/---

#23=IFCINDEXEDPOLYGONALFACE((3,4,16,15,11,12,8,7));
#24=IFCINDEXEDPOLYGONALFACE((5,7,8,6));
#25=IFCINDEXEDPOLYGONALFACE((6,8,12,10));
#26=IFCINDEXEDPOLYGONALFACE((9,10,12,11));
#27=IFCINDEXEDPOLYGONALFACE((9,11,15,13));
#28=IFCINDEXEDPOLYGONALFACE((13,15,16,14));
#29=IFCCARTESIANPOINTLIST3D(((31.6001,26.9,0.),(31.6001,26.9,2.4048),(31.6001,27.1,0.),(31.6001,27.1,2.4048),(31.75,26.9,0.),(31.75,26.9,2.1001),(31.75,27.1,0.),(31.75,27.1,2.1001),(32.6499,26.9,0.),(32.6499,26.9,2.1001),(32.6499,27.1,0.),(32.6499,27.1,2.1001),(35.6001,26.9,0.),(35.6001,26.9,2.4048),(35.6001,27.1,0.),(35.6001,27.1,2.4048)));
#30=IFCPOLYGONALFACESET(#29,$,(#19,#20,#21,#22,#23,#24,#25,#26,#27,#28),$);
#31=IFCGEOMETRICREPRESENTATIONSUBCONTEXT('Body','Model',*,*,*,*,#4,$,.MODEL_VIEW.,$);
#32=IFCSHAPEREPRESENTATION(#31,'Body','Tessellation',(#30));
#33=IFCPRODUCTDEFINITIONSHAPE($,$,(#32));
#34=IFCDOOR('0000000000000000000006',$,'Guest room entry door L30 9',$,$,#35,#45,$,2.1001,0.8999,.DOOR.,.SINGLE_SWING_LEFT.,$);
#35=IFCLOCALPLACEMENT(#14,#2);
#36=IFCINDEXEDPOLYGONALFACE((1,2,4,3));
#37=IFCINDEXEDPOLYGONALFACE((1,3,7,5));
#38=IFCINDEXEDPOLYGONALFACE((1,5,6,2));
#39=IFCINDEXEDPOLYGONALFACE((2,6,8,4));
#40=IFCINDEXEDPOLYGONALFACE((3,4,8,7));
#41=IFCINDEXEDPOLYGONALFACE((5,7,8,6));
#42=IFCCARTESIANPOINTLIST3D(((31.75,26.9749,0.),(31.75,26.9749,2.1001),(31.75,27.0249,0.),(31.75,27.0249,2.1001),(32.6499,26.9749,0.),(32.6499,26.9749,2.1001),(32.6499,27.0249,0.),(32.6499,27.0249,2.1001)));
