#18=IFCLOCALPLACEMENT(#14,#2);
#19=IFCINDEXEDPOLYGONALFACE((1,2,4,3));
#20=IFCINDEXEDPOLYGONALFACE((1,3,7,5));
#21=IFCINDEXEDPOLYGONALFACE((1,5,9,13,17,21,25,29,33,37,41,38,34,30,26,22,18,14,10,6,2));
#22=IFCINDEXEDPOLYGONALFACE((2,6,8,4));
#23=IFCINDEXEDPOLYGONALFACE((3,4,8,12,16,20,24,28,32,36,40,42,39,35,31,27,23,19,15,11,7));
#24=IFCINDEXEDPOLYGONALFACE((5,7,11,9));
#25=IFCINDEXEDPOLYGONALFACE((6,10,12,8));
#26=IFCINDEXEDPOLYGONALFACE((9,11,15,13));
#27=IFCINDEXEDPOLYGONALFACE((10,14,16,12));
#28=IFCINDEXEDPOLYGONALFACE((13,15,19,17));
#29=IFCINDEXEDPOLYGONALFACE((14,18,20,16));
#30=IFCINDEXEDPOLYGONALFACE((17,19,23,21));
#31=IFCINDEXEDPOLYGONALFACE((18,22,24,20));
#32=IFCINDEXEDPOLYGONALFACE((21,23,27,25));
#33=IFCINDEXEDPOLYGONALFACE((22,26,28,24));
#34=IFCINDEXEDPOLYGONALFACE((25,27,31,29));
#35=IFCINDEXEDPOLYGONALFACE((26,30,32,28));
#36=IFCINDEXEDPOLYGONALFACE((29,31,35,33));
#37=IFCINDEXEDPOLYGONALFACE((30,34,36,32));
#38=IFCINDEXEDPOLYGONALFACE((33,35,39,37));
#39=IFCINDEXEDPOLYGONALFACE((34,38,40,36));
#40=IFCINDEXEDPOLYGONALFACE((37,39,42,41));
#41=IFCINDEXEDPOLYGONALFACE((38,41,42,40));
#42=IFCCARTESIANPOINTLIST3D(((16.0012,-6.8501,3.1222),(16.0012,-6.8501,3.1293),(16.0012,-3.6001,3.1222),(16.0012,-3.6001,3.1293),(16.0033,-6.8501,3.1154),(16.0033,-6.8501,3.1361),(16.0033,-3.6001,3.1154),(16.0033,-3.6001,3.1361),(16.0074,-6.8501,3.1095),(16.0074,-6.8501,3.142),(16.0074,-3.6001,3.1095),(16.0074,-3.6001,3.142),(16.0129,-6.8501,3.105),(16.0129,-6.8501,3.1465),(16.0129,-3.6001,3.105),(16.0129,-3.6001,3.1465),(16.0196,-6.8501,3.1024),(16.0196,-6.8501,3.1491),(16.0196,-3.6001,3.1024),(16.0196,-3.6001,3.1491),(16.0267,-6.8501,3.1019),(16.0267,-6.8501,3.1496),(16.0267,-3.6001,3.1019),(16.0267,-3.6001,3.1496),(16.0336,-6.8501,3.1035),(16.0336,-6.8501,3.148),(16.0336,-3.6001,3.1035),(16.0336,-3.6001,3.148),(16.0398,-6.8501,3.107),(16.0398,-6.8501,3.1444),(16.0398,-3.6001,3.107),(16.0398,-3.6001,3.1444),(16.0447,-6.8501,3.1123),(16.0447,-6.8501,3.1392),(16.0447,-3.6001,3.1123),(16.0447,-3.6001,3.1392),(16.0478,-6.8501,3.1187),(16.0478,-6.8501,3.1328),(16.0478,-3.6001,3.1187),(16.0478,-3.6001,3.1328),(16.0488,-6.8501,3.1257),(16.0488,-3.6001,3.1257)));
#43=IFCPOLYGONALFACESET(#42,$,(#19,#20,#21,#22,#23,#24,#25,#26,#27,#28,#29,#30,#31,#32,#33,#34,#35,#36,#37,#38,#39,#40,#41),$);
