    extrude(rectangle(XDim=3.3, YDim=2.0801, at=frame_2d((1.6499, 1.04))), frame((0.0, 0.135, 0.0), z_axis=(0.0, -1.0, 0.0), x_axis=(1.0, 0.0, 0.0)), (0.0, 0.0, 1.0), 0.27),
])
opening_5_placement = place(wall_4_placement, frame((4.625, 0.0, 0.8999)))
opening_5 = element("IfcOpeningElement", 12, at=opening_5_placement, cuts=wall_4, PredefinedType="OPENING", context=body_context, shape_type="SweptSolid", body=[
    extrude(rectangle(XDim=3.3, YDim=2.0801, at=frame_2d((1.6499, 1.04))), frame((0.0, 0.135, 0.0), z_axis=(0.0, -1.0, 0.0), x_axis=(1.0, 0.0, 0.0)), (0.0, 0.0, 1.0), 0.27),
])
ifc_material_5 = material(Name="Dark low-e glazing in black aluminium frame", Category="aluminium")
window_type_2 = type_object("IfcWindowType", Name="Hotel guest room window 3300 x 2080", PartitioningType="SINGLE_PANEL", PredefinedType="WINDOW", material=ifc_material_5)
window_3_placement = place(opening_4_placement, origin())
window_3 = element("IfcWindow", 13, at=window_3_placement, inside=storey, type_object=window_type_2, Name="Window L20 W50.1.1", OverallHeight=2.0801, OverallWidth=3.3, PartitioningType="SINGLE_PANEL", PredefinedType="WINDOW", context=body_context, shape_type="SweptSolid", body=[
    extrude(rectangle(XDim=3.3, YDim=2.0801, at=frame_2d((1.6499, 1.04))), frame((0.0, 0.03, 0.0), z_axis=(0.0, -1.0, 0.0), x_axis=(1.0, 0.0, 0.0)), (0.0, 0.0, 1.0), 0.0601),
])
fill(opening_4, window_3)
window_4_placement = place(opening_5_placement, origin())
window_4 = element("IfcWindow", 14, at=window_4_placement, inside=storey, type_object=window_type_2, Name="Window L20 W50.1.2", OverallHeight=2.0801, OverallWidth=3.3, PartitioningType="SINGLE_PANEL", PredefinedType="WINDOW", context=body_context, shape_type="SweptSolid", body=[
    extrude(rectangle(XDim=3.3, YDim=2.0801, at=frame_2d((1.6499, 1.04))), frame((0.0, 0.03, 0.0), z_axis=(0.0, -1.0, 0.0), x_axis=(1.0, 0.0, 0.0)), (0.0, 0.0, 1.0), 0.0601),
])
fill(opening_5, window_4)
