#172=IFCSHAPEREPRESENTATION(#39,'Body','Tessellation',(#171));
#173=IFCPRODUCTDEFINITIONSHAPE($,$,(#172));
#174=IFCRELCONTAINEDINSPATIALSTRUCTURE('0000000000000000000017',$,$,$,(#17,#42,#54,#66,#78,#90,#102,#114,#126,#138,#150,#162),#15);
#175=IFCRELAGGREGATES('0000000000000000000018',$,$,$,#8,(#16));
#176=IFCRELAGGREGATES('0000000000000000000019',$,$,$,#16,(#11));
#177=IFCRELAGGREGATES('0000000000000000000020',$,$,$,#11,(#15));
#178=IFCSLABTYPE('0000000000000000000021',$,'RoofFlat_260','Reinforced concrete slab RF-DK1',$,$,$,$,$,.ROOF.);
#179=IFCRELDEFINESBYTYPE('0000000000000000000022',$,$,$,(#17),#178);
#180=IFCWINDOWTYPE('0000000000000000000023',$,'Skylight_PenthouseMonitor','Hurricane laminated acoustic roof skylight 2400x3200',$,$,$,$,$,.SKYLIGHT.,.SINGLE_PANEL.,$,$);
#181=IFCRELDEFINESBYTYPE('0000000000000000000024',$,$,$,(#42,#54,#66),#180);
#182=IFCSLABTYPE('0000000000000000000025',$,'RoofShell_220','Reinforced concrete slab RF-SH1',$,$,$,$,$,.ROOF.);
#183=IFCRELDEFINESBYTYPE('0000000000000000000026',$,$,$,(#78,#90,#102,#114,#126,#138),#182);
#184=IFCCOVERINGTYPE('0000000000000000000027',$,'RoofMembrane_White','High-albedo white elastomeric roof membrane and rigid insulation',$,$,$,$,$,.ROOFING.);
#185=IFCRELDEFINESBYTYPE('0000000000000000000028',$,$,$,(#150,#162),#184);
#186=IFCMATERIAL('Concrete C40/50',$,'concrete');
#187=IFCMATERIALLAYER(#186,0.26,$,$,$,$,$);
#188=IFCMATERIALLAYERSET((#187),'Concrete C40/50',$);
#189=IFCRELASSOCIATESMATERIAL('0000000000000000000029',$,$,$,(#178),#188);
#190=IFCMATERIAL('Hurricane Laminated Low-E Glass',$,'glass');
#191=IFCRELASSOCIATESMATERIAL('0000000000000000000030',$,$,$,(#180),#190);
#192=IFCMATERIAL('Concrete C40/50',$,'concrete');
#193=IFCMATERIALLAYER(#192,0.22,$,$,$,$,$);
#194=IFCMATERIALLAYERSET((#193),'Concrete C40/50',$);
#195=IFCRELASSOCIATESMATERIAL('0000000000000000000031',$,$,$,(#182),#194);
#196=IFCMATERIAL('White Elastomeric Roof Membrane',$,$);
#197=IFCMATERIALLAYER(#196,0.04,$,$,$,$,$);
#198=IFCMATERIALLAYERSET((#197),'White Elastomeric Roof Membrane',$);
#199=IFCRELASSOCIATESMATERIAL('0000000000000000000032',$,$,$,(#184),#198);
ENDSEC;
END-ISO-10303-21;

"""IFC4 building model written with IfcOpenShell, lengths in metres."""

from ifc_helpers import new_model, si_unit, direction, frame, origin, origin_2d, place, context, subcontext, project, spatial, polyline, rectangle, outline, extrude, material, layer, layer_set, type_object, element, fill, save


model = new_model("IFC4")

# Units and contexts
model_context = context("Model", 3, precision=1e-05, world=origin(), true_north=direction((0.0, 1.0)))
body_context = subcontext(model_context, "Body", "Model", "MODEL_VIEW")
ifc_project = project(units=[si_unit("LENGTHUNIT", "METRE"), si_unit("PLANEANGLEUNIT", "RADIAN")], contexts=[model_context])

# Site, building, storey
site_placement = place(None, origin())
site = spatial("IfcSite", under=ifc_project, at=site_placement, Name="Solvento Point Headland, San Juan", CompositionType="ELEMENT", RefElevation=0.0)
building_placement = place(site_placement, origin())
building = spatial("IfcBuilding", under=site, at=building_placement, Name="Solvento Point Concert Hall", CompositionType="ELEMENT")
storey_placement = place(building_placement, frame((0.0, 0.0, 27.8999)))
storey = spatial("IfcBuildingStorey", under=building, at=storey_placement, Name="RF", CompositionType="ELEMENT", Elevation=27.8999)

\---

Instructions for the task: Each line in the data that holds the word "IFCSHAPEREPRESENTATION" must be copied.

Finished task:
#32=IFCSHAPEREPRESENTATION(#31,'Body','Tessellation',(#30));
#172=IFCSHAPEREPRESENTATION(#39,'Body','Tessellation',(#171));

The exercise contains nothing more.